#### PROVIDED DATA:

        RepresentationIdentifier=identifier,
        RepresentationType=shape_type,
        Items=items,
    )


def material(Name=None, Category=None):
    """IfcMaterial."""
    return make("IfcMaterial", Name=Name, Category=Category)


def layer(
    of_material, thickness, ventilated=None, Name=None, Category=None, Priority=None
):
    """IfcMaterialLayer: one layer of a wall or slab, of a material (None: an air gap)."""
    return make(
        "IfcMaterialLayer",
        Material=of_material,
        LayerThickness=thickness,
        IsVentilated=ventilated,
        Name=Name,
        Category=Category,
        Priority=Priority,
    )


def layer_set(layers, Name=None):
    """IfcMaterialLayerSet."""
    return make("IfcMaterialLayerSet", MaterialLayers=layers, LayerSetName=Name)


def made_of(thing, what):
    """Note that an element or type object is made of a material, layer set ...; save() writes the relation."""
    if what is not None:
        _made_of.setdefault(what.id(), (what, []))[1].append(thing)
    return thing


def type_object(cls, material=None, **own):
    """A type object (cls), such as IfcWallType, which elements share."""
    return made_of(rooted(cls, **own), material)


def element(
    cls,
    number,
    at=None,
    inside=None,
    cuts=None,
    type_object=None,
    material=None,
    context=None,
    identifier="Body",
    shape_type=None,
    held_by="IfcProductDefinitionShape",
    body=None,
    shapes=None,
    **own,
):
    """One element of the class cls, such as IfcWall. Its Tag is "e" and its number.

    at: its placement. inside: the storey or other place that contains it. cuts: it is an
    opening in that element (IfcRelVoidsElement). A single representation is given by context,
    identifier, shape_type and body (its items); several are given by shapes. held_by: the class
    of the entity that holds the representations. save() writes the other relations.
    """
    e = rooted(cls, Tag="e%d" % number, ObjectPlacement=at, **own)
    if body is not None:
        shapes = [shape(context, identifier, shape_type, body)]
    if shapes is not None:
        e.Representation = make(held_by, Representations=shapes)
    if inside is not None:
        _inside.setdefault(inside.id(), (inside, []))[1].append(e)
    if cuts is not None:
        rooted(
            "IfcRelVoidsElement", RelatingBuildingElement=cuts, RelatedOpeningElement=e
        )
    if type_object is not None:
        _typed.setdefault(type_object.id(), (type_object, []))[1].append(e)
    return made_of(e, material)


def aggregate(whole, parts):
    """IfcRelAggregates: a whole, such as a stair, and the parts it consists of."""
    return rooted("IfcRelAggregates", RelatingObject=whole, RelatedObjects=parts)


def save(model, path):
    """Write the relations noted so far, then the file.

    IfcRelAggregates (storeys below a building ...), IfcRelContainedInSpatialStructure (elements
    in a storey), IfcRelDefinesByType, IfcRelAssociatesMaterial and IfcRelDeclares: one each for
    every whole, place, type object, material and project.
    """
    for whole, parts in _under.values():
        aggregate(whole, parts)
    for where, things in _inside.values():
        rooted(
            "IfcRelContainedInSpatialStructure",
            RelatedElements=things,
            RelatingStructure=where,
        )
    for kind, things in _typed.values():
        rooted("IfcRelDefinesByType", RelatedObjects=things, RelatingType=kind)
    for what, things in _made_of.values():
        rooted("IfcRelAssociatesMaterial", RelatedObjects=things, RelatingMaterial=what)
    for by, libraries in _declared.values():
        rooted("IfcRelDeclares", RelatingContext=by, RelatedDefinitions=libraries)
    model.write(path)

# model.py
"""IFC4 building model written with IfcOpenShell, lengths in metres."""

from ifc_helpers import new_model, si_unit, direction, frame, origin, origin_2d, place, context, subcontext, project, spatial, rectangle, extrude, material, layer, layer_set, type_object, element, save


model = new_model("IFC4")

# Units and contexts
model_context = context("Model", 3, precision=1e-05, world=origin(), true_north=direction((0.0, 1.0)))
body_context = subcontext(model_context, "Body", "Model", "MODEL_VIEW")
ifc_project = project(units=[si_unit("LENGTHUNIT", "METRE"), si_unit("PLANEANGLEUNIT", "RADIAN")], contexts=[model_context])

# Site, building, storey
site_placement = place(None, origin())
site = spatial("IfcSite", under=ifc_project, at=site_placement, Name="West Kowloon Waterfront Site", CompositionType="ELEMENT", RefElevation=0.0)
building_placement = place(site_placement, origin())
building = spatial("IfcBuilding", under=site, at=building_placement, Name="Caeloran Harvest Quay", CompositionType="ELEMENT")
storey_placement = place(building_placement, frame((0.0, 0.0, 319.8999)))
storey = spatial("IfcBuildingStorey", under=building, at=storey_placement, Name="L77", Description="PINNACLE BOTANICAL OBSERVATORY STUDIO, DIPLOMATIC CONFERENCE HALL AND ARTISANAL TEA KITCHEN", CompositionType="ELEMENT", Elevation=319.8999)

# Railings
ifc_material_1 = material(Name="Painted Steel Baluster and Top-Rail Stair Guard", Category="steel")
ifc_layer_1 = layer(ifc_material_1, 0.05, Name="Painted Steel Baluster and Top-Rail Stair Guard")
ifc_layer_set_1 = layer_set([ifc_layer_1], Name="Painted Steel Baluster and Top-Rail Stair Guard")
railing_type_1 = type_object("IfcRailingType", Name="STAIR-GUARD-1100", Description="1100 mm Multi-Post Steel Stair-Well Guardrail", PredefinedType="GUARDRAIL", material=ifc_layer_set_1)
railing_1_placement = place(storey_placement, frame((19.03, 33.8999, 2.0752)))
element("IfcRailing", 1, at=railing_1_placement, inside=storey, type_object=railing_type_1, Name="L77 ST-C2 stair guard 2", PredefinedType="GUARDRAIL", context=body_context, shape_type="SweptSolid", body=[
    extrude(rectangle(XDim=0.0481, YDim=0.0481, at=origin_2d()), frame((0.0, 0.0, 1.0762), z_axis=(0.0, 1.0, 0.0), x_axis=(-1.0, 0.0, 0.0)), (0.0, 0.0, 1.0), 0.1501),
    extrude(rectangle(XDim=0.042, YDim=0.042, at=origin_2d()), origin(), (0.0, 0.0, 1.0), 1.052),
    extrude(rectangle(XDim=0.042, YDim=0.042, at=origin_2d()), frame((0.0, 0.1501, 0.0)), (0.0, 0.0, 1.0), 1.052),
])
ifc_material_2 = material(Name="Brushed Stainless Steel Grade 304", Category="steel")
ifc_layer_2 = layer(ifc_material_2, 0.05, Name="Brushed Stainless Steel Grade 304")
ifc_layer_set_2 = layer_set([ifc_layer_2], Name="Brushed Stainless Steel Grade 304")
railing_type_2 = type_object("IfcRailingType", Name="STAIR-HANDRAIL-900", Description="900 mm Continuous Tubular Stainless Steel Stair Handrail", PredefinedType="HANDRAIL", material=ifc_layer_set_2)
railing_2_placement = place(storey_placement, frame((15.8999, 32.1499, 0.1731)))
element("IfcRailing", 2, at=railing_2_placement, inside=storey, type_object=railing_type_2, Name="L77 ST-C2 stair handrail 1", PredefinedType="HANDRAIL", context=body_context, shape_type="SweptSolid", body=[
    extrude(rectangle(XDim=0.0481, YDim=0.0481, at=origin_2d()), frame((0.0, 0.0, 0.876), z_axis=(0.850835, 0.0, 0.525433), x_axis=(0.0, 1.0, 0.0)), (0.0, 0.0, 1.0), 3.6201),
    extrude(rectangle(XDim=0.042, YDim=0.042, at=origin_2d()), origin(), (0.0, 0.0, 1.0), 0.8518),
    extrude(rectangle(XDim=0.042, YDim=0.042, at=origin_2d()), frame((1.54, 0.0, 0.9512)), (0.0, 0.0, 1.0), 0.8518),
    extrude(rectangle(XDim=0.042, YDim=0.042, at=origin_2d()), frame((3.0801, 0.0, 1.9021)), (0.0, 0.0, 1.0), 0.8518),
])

#### THE PROBLEM:
Take the listing above and repeat exactly the lines from the one containing "one layer of" through the one containing "that an element", both included.

#### SOLUTION BELOW:
    """IfcMaterialLayer: one layer of a wall or slab, of a material (None: an air gap)."""
    return make(
        "IfcMaterialLayer",
        Material=of_material,
        LayerThickness=thickness,
        IsVentilated=ventilated,
        Name=Name,
        Category=Category,
        Priority=Priority,
    )


def layer_set(layers, Name=None):
    """IfcMaterialLayerSet."""
    return make("IfcMaterialLayerSet", MaterialLayers=layers, LayerSetName=Name)


def made_of(thing, what):
    """Note that an element or type object is made of a material, layer set ...; save() writes the relation."""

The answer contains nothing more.